EXERCISE PROMPT: Below are the entries; give again exactly the lines from the one mentioning "#34=IFCSHAPEREPRESENTATION(#33,'Body','Tessellation',(#32));" through the one mentioning "#39=IFCINDEXEDPOLYGONALFACE((1,3,4,2));", inclusive.

STORED DATA:
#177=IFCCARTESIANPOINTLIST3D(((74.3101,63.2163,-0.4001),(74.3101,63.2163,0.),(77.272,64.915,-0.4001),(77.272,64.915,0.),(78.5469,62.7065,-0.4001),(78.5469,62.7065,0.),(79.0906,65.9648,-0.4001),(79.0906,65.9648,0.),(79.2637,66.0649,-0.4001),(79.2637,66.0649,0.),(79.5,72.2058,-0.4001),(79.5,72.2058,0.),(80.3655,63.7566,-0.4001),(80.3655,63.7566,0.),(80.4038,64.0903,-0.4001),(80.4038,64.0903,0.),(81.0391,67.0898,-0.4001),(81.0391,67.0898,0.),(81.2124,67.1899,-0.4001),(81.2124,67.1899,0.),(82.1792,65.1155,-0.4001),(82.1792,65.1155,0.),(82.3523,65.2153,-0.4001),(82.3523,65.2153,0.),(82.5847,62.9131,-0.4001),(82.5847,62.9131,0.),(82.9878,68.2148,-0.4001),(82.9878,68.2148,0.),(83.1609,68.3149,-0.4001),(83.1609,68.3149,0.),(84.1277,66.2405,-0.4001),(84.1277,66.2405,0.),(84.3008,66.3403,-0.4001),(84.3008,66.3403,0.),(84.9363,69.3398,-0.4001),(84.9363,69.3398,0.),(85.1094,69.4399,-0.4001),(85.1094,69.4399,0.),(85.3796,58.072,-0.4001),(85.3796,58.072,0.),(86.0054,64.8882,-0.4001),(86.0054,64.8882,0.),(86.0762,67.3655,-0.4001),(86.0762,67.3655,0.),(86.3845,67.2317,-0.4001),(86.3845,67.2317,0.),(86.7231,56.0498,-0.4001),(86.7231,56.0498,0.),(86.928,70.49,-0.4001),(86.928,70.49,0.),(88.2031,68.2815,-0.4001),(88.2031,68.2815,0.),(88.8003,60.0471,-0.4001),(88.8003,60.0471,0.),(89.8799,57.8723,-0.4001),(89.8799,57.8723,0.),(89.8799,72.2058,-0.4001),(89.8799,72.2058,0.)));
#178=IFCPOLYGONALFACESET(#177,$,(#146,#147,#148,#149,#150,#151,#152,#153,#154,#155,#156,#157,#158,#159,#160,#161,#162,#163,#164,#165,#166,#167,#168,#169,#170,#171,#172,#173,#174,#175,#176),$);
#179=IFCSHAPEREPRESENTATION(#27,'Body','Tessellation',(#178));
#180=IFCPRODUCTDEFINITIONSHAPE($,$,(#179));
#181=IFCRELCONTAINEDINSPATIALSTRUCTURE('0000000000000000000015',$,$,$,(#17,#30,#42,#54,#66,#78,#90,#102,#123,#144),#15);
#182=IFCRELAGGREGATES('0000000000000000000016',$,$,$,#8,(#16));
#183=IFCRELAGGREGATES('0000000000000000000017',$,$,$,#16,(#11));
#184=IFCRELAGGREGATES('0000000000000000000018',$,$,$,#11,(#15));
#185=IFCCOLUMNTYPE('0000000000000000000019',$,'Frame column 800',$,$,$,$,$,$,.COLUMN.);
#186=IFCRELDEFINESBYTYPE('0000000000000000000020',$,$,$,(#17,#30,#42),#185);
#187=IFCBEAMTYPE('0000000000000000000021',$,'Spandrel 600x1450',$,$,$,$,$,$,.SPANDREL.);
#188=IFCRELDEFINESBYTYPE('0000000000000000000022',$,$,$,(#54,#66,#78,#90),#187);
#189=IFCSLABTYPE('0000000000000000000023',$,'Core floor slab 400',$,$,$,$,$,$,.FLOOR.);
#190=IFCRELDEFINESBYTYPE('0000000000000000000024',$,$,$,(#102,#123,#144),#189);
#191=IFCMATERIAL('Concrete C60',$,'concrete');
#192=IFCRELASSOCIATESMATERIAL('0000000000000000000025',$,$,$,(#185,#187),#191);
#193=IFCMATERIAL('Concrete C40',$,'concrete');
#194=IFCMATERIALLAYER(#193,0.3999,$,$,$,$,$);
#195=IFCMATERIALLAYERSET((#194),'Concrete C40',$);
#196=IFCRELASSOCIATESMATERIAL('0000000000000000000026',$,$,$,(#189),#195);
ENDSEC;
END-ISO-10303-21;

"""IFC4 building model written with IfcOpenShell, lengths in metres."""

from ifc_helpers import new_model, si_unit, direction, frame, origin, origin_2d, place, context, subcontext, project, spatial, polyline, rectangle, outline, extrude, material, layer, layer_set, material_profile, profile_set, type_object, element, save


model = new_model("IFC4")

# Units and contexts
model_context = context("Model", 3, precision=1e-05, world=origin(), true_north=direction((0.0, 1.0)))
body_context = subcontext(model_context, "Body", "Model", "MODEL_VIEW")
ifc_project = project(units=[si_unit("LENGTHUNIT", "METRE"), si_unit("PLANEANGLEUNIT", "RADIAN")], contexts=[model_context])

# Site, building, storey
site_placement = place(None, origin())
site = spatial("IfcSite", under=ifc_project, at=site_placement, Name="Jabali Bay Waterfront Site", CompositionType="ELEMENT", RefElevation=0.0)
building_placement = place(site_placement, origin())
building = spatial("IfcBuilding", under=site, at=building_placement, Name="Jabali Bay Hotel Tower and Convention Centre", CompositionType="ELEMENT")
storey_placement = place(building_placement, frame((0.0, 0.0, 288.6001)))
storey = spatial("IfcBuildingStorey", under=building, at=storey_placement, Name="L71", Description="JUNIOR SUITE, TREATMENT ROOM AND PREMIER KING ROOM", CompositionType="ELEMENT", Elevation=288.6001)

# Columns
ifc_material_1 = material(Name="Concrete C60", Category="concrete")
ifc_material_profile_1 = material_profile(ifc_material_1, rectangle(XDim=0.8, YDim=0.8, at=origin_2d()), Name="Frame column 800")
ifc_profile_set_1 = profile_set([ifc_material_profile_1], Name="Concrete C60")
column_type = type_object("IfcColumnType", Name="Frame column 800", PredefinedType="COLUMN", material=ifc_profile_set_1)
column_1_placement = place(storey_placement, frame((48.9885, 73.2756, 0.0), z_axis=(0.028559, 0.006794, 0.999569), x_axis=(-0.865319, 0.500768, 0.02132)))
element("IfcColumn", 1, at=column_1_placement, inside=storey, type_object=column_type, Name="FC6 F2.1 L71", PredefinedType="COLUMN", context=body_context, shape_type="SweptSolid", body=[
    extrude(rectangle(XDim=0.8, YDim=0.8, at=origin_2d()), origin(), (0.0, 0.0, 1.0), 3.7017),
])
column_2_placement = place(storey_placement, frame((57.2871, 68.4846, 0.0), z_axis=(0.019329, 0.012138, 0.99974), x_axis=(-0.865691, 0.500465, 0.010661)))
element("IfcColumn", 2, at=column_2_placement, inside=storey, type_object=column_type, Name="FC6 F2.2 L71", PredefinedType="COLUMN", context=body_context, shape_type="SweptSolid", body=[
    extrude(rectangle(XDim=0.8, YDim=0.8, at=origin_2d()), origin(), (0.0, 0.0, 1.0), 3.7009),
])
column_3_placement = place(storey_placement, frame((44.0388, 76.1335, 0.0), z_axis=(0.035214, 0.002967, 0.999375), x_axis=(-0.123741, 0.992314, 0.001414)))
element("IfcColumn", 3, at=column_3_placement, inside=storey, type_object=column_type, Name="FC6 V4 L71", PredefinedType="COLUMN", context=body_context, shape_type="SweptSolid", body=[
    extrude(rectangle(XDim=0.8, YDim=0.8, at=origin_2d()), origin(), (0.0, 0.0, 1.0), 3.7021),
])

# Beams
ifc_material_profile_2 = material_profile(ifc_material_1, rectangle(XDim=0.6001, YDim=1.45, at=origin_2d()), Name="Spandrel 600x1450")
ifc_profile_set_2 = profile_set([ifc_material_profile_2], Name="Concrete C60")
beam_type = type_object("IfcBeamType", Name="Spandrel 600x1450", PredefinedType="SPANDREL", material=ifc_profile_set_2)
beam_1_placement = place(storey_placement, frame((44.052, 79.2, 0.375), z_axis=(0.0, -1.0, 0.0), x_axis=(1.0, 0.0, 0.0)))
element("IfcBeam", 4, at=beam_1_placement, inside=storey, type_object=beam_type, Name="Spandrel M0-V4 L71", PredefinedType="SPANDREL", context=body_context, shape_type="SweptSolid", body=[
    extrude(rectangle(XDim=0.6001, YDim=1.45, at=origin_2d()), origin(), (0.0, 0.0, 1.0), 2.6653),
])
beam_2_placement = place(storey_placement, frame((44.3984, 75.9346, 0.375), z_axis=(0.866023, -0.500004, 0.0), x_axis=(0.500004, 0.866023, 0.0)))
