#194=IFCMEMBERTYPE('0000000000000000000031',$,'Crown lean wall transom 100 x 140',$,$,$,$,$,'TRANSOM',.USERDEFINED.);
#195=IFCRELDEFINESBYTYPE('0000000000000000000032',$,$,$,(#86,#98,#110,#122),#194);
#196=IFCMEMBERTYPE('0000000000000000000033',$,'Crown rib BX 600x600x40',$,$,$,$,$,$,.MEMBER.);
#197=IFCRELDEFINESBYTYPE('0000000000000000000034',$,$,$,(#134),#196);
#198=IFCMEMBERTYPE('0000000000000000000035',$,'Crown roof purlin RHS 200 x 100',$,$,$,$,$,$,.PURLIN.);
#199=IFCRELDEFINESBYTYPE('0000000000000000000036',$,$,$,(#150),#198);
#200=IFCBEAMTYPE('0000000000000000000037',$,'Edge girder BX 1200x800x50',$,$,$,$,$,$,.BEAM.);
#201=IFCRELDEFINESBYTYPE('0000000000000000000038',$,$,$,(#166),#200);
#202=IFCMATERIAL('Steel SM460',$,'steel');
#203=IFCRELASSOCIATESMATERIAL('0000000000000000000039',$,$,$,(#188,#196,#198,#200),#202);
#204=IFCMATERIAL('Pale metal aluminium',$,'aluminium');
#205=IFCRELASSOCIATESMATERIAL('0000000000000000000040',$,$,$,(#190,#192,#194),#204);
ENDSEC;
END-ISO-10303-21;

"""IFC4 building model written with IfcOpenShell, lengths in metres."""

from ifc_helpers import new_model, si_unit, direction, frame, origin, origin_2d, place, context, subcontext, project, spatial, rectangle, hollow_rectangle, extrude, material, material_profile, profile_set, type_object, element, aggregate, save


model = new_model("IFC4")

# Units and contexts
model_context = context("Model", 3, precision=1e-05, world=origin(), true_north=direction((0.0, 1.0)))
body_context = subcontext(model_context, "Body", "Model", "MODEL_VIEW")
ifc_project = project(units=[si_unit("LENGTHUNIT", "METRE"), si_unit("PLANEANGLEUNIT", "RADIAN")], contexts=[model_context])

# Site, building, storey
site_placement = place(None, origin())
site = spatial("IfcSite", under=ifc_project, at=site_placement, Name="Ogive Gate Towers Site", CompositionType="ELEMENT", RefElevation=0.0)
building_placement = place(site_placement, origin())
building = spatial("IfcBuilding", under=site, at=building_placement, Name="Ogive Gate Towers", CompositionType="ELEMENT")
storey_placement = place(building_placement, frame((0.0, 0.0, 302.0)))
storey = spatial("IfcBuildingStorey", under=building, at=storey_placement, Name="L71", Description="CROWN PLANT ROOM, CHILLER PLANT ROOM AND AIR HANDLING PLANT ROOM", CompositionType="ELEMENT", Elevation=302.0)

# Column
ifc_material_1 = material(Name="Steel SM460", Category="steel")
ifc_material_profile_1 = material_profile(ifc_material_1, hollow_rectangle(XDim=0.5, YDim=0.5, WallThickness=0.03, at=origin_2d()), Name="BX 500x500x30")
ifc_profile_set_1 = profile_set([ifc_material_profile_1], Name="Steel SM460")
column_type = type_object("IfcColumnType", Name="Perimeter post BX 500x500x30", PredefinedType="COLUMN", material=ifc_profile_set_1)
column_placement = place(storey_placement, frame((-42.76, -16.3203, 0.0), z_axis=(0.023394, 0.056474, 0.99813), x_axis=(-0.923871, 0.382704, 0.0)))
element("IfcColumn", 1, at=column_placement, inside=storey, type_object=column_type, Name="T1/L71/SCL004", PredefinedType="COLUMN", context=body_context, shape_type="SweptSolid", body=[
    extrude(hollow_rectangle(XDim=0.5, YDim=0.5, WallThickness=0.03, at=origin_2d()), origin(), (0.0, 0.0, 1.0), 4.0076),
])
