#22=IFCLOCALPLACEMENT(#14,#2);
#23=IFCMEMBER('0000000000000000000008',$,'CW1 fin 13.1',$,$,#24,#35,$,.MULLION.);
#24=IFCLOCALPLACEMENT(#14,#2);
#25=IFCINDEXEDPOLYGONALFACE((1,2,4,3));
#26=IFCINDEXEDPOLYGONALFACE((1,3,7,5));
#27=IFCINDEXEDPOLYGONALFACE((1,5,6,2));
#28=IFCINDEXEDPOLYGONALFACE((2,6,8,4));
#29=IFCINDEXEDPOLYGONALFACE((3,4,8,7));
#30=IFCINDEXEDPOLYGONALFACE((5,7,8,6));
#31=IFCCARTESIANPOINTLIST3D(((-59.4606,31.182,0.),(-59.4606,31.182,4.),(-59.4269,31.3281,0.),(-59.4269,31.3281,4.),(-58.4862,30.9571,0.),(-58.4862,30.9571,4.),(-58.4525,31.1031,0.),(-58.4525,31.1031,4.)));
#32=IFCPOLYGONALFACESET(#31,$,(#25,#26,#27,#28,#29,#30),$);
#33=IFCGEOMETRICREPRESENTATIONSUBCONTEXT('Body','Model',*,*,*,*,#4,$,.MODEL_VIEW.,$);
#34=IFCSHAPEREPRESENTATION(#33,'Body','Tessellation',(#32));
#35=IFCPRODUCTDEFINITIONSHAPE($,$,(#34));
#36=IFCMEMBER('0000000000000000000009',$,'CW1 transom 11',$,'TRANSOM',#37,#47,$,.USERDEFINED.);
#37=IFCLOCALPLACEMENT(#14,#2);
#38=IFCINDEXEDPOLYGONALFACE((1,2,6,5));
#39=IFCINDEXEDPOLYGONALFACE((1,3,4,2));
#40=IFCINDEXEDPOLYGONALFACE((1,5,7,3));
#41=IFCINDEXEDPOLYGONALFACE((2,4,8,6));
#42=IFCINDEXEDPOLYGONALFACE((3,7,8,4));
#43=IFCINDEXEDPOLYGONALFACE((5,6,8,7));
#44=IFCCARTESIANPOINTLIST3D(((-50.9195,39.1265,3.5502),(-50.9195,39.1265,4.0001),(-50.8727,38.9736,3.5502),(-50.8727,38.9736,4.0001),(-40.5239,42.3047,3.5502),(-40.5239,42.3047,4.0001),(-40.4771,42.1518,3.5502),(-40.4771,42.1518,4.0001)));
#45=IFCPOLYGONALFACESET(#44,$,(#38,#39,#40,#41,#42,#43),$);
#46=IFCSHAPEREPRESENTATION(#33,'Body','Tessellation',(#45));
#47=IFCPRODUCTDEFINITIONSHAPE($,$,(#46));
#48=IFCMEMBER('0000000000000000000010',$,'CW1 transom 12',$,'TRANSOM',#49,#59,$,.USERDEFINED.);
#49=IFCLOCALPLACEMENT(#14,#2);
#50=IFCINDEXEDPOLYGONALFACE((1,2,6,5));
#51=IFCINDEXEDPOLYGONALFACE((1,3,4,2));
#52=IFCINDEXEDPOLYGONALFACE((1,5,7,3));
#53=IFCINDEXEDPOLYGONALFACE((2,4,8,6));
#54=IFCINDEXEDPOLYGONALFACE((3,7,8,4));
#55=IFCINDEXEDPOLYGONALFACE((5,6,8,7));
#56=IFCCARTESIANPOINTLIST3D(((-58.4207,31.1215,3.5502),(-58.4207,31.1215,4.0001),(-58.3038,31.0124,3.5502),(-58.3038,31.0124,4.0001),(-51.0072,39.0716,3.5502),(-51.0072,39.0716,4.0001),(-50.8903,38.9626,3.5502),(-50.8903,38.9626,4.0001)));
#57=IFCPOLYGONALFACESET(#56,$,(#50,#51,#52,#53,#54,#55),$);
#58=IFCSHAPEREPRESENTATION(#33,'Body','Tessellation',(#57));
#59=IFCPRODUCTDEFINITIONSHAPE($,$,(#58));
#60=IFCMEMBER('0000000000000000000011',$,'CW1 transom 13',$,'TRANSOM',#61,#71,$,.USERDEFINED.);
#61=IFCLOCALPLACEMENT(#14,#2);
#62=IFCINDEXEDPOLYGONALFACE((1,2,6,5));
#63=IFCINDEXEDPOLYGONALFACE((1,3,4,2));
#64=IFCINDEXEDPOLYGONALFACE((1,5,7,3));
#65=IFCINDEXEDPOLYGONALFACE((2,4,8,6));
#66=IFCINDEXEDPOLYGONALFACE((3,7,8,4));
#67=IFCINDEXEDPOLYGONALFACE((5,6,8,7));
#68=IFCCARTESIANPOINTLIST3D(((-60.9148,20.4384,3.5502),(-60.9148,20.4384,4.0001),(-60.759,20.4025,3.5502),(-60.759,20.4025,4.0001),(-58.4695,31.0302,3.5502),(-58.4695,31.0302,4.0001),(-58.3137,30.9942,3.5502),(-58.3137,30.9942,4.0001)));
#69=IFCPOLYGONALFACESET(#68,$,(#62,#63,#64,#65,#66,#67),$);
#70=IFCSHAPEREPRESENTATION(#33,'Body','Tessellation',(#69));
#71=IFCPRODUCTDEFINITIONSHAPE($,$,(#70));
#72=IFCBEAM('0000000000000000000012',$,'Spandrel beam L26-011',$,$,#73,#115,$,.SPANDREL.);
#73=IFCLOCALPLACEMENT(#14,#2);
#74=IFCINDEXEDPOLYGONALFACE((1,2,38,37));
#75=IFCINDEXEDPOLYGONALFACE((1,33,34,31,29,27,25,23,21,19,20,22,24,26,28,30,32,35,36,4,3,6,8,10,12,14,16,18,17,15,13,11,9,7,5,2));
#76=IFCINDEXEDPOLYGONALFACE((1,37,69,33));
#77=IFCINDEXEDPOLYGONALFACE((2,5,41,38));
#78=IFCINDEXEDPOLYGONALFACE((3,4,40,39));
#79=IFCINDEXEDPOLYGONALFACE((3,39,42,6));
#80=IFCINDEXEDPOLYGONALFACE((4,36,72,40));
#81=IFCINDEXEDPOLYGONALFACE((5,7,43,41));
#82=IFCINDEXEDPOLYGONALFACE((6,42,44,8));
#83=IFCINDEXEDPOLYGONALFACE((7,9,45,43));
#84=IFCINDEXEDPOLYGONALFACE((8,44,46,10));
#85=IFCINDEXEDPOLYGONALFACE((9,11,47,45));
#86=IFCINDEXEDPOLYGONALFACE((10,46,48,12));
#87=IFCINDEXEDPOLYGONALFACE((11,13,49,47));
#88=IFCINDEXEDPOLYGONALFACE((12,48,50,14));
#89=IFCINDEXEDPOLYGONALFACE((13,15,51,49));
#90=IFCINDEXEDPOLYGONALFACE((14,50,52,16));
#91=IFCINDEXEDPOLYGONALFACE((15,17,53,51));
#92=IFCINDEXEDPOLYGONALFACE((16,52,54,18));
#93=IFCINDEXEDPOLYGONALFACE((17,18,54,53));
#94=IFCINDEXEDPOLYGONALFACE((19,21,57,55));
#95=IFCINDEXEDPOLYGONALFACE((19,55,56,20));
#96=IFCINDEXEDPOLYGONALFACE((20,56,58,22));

RESPONSE:
#34=IFCSHAPEREPRESENTATION(#33,'Body','Tessellation',(#32));
#35=IFCPRODUCTDEFINITIONSHAPE($,$,(#34));
#36=IFCMEMBER('0000000000000000000009',$,'CW1 transom 11',$,'TRANSOM',#37,#47,$,.USERDEFINED.);
#37=IFCLOCALPLACEMENT(#14,#2);
#38=IFCINDEXEDPOLYGONALFACE((1,2,6,5));
#39=IFCINDEXEDPOLYGONALFACE((1,3,4,2));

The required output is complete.